> Task goal: Return each line of the data that follows exactly as it reads.

[Dataset entries]
###

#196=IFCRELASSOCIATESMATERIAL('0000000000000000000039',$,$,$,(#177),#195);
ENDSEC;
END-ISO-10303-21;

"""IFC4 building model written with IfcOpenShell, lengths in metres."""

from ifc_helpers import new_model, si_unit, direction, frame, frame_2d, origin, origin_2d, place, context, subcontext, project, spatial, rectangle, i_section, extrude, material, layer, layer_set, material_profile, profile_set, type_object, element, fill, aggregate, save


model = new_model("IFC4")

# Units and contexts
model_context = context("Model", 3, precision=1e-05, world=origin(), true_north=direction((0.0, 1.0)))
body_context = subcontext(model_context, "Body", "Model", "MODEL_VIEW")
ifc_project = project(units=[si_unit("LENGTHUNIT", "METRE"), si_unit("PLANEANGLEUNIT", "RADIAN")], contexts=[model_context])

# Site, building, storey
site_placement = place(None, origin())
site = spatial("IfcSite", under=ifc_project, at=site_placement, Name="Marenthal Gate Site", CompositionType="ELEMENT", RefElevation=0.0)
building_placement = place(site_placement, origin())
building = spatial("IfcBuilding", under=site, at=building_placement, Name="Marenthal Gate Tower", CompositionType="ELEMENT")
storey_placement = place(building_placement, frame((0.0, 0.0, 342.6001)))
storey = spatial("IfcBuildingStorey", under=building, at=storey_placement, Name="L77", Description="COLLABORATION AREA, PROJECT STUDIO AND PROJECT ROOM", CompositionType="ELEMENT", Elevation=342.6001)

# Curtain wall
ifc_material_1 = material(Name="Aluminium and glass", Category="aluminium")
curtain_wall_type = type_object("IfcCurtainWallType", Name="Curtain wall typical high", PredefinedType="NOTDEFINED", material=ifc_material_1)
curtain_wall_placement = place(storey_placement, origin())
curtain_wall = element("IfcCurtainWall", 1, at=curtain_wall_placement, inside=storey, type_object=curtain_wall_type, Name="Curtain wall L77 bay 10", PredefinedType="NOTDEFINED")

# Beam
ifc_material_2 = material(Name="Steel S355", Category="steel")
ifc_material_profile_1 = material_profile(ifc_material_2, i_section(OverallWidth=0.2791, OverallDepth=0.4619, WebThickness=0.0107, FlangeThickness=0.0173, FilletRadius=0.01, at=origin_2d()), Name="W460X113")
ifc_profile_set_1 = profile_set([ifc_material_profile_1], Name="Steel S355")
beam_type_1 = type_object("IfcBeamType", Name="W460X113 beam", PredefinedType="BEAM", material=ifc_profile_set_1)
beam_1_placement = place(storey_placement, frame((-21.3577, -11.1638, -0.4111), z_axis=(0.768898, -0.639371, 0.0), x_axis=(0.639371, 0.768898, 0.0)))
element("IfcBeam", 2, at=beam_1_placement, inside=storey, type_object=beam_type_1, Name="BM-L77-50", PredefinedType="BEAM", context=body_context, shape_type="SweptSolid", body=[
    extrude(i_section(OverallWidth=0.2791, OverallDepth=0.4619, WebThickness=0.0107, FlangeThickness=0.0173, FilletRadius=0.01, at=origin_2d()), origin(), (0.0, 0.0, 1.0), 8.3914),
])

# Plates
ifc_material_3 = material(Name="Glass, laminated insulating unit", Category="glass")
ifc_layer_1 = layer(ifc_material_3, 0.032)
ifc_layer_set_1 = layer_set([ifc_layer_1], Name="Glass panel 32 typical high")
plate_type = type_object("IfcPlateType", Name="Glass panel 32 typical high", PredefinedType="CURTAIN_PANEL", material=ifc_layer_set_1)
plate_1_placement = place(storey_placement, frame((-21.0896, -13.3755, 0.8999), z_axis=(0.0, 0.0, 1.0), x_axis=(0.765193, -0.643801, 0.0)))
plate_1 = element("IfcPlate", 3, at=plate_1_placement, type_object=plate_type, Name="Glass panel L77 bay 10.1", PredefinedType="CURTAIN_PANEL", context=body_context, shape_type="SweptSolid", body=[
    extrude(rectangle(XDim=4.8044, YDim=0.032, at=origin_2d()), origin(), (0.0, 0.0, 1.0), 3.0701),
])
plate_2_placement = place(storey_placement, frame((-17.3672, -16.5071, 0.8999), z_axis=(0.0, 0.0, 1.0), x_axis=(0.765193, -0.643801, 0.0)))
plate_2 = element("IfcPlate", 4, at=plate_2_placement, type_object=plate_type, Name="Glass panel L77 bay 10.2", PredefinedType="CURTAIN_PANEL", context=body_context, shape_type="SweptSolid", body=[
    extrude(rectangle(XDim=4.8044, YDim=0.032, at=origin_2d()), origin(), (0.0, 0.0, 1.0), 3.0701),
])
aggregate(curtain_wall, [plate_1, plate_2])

###

> Task response:
#196=IFCRELASSOCIATESMATERIAL('0000000000000000000039',$,$,$,(#177),#195);
ENDSEC;
END-ISO-10303-21;

"""IFC4 building model written with IfcOpenShell, lengths in metres."""

from ifc_helpers import new_model, si_unit, direction, frame, frame_2d, origin, origin_2d, place, context, subcontext, project, spatial, rectangle, i_section, extrude, material, layer, layer_set, material_profile, profile_set, type_object, element, fill, aggregate, save


model = new_model("IFC4")

# Units and contexts
model_context = context("Model", 3, precision=1e-05, world=origin(), true_north=direction((0.0, 1.0)))
body_context = subcontext(model_context, "Body", "Model", "MODEL_VIEW")
ifc_project = project(units=[si_unit("LENGTHUNIT", "METRE"), si_unit("PLANEANGLEUNIT", "RADIAN")], contexts=[model_context])

# Site, building, storey
site_placement = place(None, origin())
site = spatial("IfcSite", under=ifc_project, at=site_placement, Name="Marenthal Gate Site", CompositionType="ELEMENT", RefElevation=0.0)
building_placement = place(site_placement, origin())
building = spatial("IfcBuilding", under=site, at=building_placement, Name="Marenthal Gate Tower", CompositionType="ELEMENT")
storey_placement = place(building_placement, frame((0.0, 0.0, 342.6001)))
storey = spatial("IfcBuildingStorey", under=building, at=storey_placement, Name="L77", Description="COLLABORATION AREA, PROJECT STUDIO AND PROJECT ROOM", CompositionType="ELEMENT", Elevation=342.6001)

# Curtain wall
ifc_material_1 = material(Name="Aluminium and glass", Category="aluminium")
curtain_wall_type = type_object("IfcCurtainWallType", Name="Curtain wall typical high", PredefinedType="NOTDEFINED", material=ifc_material_1)
curtain_wall_placement = place(storey_placement, origin())
curtain_wall = element("IfcCurtainWall", 1, at=curtain_wall_placement, inside=storey, type_object=curtain_wall_type, Name="Curtain wall L77 bay 10", PredefinedType="NOTDEFINED")

# Beam
ifc_material_2 = material(Name="Steel S355", Category="steel")
ifc_material_profile_1 = material_profile(ifc_material_2, i_section(OverallWidth=0.2791, OverallDepth=0.4619, WebThickness=0.0107, FlangeThickness=0.0173, FilletRadius=0.01, at=origin_2d()), Name="W460X113")
ifc_profile_set_1 = profile_set([ifc_material_profile_1], Name="Steel S355")
beam_type_1 = type_object("IfcBeamType", Name="W460X113 beam", PredefinedType="BEAM", material=ifc_profile_set_1)
beam_1_placement = place(storey_placement, frame((-21.3577, -11.1638, -0.4111), z_axis=(0.768898, -0.639371, 0.0), x_axis=(0.639371, 0.768898, 0.0)))
element("IfcBeam", 2, at=beam_1_placement, inside=storey, type_object=beam_type_1, Name="BM-L77-50", PredefinedType="BEAM", context=body_context, shape_type="SweptSolid", body=[
    extrude(i_section(OverallWidth=0.2791, OverallDepth=0.4619, WebThickness=0.0107, FlangeThickness=0.0173, FilletRadius=0.01, at=origin_2d()), origin(), (0.0, 0.0, 1.0), 8.3914),
])

# Plates
ifc_material_3 = material(Name="Glass, laminated insulating unit", Category="glass")
ifc_layer_1 = layer(ifc_material_3, 0.032)
ifc_layer_set_1 = layer_set([ifc_layer_1], Name="Glass panel 32 typical high")
plate_type = type_object("IfcPlateType", Name="Glass panel 32 typical high", PredefinedType="CURTAIN_PANEL", material=ifc_layer_set_1)
plate_1_placement = place(storey_placement, frame((-21.0896, -13.3755, 0.8999), z_axis=(0.0, 0.0, 1.0), x_axis=(0.765193, -0.643801, 0.0)))
plate_1 = element("IfcPlate", 3, at=plate_1_placement, type_object=plate_type, Name="Glass panel L77 bay 10.1", PredefinedType="CURTAIN_PANEL", context=body_context, shape_type="SweptSolid", body=[
    extrude(rectangle(XDim=4.8044, YDim=0.032, at=origin_2d()), origin(), (0.0, 0.0, 1.0), 3.0701),
])
plate_2_placement = place(storey_placement, frame((-17.3672, -16.5071, 0.8999), z_axis=(0.0, 0.0, 1.0), x_axis=(0.765193, -0.643801, 0.0)))
plate_2 = element("IfcPlate", 4, at=plate_2_placement, type_object=plate_type, Name="Glass panel L77 bay 10.2", PredefinedType="CURTAIN_PANEL", context=body_context, shape_type="SweptSolid", body=[
    extrude(rectangle(XDim=4.8044, YDim=0.032, at=origin_2d()), origin(), (0.0, 0.0, 1.0), 3.0701),
])
aggregate(curtain_wall, [plate_1, plate_2])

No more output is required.